===== Extracted entries

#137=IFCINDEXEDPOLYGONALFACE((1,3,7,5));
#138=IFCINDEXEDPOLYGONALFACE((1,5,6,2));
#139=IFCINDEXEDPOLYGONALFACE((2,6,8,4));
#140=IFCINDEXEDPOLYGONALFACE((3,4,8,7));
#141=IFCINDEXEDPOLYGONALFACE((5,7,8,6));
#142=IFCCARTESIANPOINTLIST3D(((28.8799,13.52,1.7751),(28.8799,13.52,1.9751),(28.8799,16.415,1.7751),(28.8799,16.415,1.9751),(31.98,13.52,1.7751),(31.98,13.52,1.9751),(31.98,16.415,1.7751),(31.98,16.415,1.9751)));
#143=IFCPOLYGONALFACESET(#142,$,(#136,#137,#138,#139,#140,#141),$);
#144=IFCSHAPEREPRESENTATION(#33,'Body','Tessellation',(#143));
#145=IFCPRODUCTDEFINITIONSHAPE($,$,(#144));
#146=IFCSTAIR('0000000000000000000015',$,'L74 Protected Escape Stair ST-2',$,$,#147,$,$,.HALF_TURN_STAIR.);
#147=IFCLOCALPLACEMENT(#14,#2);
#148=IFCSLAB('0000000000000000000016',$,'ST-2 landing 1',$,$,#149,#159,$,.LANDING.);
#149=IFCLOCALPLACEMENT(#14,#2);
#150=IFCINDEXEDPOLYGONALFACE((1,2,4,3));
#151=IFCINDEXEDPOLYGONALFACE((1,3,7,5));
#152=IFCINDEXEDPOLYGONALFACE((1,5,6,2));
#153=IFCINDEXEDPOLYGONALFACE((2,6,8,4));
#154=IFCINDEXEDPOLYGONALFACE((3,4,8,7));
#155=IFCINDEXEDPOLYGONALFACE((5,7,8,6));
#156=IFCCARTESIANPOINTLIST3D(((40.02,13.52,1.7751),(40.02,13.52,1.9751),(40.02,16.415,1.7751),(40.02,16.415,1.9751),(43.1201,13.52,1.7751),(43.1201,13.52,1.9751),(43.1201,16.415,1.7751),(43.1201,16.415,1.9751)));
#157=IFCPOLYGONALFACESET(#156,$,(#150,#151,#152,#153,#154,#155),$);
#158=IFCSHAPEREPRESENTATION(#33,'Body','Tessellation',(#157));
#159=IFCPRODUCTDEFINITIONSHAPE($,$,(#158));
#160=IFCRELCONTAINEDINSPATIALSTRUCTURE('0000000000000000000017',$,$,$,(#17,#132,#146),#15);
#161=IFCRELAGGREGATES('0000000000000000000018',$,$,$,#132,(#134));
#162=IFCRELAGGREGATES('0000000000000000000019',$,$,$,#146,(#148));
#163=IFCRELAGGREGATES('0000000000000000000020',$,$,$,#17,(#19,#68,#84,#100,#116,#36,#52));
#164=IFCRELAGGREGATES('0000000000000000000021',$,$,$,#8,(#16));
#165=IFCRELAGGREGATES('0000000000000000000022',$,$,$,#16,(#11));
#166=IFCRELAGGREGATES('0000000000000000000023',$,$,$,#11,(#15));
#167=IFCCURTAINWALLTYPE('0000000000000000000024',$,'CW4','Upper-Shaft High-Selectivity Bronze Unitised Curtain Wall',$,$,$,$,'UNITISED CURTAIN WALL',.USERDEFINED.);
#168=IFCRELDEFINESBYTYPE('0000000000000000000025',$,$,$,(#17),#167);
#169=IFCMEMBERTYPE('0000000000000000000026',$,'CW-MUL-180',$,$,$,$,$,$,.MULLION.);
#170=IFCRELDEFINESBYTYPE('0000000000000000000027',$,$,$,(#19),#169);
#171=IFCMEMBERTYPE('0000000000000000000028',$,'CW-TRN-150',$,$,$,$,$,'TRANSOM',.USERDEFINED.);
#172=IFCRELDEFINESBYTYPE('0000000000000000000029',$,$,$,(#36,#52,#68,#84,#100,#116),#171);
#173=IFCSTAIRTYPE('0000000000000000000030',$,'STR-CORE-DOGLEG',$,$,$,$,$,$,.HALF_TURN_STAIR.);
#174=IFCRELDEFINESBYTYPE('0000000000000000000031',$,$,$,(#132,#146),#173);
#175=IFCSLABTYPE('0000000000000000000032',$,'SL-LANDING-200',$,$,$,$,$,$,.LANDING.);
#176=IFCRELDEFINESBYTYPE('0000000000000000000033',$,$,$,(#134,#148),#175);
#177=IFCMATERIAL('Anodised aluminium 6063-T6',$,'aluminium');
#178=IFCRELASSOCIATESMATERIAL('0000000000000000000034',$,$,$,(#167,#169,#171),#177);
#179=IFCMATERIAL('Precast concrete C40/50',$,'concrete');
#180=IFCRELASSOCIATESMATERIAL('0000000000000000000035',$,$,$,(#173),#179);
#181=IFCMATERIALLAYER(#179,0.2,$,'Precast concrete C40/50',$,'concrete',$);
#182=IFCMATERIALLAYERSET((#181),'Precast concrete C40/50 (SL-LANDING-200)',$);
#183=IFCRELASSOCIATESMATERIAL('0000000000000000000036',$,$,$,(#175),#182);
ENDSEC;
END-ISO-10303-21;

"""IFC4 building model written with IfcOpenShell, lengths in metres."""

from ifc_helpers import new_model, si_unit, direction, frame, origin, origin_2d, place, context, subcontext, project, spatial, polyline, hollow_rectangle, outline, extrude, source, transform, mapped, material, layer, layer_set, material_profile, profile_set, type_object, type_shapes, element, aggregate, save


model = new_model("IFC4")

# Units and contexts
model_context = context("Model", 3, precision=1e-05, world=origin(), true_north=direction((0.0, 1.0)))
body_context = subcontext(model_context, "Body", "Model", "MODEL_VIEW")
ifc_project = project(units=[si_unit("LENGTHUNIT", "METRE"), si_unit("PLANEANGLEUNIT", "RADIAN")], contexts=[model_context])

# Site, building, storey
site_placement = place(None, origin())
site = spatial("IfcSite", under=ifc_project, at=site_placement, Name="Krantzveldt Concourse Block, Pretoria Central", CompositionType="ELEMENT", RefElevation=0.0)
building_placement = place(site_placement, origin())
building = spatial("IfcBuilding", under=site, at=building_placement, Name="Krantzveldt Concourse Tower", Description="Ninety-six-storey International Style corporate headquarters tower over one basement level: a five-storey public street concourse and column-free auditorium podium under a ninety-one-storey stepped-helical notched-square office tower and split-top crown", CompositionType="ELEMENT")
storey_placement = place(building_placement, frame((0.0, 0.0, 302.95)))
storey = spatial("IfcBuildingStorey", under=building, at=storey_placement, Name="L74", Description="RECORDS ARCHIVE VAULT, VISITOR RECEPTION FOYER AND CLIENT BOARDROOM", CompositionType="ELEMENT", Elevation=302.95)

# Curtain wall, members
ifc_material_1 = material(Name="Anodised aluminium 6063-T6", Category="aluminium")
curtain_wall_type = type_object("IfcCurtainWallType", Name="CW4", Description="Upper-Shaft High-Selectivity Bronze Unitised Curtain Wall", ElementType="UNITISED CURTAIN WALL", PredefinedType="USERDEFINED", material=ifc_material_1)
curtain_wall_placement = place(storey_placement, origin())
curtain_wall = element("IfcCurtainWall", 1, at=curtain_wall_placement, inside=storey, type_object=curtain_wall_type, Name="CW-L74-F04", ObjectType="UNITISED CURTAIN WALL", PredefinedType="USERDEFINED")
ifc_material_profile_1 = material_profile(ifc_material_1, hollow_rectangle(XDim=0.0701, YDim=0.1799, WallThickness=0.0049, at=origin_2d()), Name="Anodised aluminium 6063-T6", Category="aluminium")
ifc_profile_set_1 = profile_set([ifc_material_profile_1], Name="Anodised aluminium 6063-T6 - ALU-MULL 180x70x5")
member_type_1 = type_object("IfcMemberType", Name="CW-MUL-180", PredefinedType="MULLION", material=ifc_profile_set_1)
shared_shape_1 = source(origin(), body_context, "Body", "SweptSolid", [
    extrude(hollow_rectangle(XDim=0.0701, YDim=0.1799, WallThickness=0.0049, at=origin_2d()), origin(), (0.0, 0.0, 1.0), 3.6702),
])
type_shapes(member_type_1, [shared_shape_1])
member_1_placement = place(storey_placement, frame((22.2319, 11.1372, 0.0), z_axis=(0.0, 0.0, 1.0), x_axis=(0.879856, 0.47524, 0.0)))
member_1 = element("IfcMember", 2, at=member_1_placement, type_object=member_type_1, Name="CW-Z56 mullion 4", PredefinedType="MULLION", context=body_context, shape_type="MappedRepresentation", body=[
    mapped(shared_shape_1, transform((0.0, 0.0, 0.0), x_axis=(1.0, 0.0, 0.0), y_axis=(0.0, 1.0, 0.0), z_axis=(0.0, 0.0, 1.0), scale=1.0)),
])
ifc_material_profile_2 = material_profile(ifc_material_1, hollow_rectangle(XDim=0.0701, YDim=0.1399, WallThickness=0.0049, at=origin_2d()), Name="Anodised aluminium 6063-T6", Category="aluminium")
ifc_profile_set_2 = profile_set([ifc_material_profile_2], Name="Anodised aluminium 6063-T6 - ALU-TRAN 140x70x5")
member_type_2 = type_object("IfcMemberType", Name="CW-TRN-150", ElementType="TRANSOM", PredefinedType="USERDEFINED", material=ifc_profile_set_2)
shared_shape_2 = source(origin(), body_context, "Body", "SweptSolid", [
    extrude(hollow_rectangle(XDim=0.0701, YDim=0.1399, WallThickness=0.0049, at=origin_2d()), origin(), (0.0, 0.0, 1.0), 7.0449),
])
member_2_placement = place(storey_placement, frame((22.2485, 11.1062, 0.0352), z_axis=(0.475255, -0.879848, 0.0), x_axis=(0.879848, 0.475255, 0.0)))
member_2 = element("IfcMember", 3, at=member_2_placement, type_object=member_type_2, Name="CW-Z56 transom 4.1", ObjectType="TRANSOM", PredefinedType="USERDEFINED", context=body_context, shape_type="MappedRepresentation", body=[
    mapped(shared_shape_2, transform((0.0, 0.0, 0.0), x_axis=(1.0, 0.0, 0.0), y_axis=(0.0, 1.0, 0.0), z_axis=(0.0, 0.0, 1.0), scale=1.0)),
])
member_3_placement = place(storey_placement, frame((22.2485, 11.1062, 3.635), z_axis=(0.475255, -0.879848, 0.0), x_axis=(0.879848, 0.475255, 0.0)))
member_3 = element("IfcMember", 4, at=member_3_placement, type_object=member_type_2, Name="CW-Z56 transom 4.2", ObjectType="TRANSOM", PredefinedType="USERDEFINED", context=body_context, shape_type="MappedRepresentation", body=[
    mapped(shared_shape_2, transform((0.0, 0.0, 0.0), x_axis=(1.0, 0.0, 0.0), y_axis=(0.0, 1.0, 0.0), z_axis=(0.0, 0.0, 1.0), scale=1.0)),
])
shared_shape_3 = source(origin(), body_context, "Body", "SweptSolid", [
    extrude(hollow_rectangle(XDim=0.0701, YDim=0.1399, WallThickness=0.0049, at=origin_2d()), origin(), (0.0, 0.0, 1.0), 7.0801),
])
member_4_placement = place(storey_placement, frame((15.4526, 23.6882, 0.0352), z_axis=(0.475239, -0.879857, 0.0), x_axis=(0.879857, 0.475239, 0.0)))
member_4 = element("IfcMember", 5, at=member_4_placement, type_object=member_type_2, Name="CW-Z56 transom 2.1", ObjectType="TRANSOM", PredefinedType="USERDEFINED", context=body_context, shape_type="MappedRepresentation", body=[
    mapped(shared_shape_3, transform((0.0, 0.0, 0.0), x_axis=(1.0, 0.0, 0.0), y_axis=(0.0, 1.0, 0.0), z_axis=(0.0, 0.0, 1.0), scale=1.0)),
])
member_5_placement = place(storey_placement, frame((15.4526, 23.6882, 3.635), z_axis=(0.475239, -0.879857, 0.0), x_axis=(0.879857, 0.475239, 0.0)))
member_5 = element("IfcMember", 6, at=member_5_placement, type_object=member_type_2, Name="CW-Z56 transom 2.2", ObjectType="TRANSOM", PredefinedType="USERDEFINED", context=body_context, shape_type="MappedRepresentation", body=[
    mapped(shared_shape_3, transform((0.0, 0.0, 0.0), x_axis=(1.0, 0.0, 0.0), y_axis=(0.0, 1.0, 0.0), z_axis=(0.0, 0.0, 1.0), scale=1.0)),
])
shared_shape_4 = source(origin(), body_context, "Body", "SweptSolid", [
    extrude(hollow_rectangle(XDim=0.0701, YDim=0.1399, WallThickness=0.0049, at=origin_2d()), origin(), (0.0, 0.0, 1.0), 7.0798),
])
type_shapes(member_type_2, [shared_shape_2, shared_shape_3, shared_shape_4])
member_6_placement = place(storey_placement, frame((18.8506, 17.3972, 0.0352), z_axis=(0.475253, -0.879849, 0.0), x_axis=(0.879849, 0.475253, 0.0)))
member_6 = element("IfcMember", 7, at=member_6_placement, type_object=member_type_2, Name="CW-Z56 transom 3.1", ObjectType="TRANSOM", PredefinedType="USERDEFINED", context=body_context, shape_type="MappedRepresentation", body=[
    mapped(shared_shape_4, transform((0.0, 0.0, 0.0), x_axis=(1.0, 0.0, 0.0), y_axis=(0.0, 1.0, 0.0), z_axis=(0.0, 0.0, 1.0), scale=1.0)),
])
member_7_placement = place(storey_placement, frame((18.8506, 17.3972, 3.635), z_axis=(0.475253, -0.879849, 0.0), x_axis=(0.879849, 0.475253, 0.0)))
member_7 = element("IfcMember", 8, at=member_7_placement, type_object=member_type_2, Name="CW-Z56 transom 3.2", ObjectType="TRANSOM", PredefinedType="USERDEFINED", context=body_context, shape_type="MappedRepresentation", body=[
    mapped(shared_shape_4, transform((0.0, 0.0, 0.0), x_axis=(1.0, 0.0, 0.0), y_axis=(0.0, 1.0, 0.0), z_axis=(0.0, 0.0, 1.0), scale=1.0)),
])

==========
===== Extracted entries

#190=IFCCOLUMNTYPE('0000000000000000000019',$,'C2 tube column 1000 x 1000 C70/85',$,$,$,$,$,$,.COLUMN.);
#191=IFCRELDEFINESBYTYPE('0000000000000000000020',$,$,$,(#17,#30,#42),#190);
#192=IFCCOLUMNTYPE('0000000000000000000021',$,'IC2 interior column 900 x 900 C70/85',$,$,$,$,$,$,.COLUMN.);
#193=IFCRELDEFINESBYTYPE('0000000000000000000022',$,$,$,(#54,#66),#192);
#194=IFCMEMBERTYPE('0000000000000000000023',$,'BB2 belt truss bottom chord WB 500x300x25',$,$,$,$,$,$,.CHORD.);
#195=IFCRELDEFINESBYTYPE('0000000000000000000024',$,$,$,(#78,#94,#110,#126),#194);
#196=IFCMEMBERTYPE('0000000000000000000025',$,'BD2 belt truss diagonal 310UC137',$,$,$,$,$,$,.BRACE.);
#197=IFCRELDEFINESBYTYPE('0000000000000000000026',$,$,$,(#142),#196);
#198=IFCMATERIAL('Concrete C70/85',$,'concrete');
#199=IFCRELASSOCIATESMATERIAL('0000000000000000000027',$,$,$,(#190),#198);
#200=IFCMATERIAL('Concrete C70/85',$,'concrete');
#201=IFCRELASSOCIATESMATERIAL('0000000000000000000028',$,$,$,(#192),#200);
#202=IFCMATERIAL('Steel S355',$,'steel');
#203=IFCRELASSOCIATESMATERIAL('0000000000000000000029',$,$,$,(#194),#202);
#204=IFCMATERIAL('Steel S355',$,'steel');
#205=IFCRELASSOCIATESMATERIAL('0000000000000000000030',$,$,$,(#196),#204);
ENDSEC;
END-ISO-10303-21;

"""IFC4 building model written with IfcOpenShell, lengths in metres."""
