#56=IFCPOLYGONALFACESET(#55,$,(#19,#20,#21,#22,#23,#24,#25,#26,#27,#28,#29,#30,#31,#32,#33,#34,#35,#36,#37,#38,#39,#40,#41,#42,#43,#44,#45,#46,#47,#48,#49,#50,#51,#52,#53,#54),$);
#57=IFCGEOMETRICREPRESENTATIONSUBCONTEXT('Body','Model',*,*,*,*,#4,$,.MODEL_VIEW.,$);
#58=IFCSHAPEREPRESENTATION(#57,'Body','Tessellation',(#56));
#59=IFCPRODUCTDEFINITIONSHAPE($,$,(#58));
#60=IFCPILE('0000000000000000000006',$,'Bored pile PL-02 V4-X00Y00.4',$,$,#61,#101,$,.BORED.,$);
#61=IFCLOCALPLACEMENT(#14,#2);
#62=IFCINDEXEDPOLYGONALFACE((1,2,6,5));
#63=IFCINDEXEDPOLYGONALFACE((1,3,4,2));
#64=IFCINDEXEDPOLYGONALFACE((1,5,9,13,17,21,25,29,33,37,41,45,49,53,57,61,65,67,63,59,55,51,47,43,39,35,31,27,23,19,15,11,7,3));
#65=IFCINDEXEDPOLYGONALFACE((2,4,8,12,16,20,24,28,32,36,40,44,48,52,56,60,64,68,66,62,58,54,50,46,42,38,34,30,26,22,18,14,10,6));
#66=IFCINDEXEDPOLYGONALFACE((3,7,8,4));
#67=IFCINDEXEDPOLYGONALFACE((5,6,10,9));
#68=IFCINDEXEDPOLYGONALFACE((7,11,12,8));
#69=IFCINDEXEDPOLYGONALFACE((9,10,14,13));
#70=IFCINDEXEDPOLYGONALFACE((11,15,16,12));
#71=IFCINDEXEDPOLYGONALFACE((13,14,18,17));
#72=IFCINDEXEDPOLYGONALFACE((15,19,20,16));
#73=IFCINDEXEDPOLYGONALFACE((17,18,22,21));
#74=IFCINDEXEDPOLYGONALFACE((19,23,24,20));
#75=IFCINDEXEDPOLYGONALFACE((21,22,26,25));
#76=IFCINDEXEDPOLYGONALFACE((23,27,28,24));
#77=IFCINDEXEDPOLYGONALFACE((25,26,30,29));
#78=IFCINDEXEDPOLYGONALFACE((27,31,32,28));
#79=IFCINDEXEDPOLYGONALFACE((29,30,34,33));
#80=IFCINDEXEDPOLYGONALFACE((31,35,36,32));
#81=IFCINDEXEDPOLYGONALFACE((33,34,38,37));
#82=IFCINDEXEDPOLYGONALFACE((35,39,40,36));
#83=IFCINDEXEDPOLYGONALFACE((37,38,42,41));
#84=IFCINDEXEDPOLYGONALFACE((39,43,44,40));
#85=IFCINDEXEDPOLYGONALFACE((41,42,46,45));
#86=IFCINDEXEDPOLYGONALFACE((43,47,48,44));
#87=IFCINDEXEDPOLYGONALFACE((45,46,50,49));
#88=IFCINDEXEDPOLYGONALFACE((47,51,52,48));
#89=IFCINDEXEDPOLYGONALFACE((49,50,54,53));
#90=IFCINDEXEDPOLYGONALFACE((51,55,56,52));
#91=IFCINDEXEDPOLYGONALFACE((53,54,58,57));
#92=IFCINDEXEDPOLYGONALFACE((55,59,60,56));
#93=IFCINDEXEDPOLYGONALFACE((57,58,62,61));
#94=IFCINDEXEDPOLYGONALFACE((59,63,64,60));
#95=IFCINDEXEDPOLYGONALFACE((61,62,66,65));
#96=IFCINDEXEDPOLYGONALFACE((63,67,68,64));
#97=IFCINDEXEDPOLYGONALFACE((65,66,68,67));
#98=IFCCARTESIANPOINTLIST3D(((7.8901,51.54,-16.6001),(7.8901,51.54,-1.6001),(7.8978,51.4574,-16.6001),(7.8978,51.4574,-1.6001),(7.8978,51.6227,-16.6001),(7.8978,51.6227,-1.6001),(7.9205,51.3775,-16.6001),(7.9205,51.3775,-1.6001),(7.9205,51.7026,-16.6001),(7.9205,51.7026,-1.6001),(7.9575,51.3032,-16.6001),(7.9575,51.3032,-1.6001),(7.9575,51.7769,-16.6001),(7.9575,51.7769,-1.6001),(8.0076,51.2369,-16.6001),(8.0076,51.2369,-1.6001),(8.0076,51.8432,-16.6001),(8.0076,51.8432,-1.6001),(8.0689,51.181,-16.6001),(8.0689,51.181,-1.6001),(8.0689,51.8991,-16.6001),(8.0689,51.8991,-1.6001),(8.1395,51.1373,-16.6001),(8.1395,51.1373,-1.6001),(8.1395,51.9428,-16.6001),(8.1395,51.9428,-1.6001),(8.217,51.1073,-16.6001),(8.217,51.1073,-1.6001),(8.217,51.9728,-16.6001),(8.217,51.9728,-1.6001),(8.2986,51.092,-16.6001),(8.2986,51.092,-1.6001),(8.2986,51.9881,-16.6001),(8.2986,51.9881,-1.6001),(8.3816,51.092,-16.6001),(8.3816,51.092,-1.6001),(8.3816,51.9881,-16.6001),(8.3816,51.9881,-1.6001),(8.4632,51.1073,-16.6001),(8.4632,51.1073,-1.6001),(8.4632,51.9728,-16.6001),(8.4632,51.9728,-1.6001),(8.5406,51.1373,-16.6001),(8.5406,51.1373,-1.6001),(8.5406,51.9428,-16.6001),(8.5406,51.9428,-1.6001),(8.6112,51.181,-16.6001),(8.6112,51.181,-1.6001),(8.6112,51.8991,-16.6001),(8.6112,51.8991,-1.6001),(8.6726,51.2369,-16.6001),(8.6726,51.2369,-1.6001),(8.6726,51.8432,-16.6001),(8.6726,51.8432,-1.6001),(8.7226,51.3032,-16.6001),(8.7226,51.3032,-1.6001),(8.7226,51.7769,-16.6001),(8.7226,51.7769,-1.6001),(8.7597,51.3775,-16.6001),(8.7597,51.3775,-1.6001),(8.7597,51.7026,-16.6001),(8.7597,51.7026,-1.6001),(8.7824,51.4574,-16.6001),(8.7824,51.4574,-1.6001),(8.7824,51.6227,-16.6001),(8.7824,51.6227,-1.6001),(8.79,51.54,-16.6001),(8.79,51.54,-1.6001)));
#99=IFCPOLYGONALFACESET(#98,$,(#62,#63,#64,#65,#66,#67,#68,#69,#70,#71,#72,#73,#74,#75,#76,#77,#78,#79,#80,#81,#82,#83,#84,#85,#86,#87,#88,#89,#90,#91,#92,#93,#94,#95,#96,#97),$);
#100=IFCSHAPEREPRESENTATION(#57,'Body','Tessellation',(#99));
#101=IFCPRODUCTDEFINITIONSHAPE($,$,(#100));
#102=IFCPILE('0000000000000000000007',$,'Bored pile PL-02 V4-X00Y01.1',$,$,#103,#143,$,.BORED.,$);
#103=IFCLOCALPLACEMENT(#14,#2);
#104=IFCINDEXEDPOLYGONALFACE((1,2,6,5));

==========

What is needed:
Only the lines above starting with the one with "x 900 C70/85',$,$,$,$,$,$,.COLUMN.);" and going through the one with "#66=IFCINDEXEDPOLYGONALFACE((3,7,8,4));" are to be copied, word for word and with both ends kept.

Written response:
#192=IFCCOLUMNTYPE('0000000000000000000021',$,'IC2 interior column 900 x 900 C70/85',$,$,$,$,$,$,.COLUMN.);
#193=IFCRELDEFINESBYTYPE('0000000000000000000022',$,$,$,(#54,#66),#192);
#194=IFCMEMBERTYPE('0000000000000000000023',$,'BB2 belt truss bottom chord WB 500x300x25',$,$,$,$,$,$,.CHORD.);
#195=IFCRELDEFINESBYTYPE('0000000000000000000024',$,$,$,(#78,#94,#110,#126),#194);
#196=IFCMEMBERTYPE('0000000000000000000025',$,'BD2 belt truss diagonal 310UC137',$,$,$,$,$,$,.BRACE.);
#197=IFCRELDEFINESBYTYPE('0000000000000000000026',$,$,$,(#142),#196);
#198=IFCMATERIAL('Concrete C70/85',$,'concrete');
#199=IFCRELASSOCIATESMATERIAL('0000000000000000000027',$,$,$,(#190),#198);
#200=IFCMATERIAL('Concrete C70/85',$,'concrete');
#201=IFCRELASSOCIATESMATERIAL('0000000000000000000028',$,$,$,(#192),#200);
#202=IFCMATERIAL('Steel S355',$,'steel');
#203=IFCRELASSOCIATESMATERIAL('0000000000000000000029',$,$,$,(#194),#202);
#204=IFCMATERIAL('Steel S355',$,'steel');
#205=IFCRELASSOCIATESMATERIAL('0000000000000000000030',$,$,$,(#196),#204);
ENDSEC;
END-ISO-10303-21;

"""IFC4 building model written with IfcOpenShell, lengths in metres."""
#56=IFCPOLYGONALFACESET(#55,$,(#19,#20,#21,#22,#23,#24,#25,#26,#27,#28,#29,#30,#31,#32,#33,#34,#35,#36,#37,#38,#39,#40,#41,#42,#43,#44,#45,#46,#47,#48,#49,#50,#51,#52,#53,#54),$);
#57=IFCGEOMETRICREPRESENTATIONSUBCONTEXT('Body','Model',*,*,*,*,#4,$,.MODEL_VIEW.,$);
#58=IFCSHAPEREPRESENTATION(#57,'Body','Tessellation',(#56));
#59=IFCPRODUCTDEFINITIONSHAPE($,$,(#58));
#60=IFCPILE('0000000000000000000006',$,'Bored pile PL-02 V4-X00Y00.4',$,$,#61,#101,$,.BORED.,$);
#61=IFCLOCALPLACEMENT(#14,#2);
#62=IFCINDEXEDPOLYGONALFACE((1,2,6,5));
#63=IFCINDEXEDPOLYGONALFACE((1,3,4,2));
#64=IFCINDEXEDPOLYGONALFACE((1,5,9,13,17,21,25,29,33,37,41,45,49,53,57,61,65,67,63,59,55,51,47,43,39,35,31,27,23,19,15,11,7,3));
#65=IFCINDEXEDPOLYGONALFACE((2,4,8,12,16,20,24,28,32,36,40,44,48,52,56,60,64,68,66,62,58,54,50,46,42,38,34,30,26,22,18,14,10,6));
#66=IFCINDEXEDPOLYGONALFACE((3,7,8,4));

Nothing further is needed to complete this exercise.